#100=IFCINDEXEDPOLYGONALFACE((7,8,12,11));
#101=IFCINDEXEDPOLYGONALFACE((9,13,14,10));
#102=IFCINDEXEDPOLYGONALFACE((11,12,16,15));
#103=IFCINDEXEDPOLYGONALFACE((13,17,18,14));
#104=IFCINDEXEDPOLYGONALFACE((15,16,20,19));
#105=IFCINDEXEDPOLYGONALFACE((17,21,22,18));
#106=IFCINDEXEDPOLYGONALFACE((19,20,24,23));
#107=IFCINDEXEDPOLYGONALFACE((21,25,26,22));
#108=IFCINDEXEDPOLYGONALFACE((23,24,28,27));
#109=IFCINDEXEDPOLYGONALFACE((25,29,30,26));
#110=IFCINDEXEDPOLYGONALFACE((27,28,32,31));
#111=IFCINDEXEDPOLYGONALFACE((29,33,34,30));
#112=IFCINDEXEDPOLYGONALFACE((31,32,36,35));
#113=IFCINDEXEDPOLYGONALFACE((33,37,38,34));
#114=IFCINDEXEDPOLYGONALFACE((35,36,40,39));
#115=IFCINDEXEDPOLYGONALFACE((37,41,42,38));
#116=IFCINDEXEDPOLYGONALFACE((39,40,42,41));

######

Give back exactly the lines from the line holding "#114=IFCINDEXEDPOLYGONALFACE((35,36,40,39));" through the last line of the listing, including both.

#114=IFCINDEXEDPOLYGONALFACE((35,36,40,39));
#115=IFCINDEXEDPOLYGONALFACE((37,41,42,38));
#116=IFCINDEXEDPOLYGONALFACE((39,40,42,41));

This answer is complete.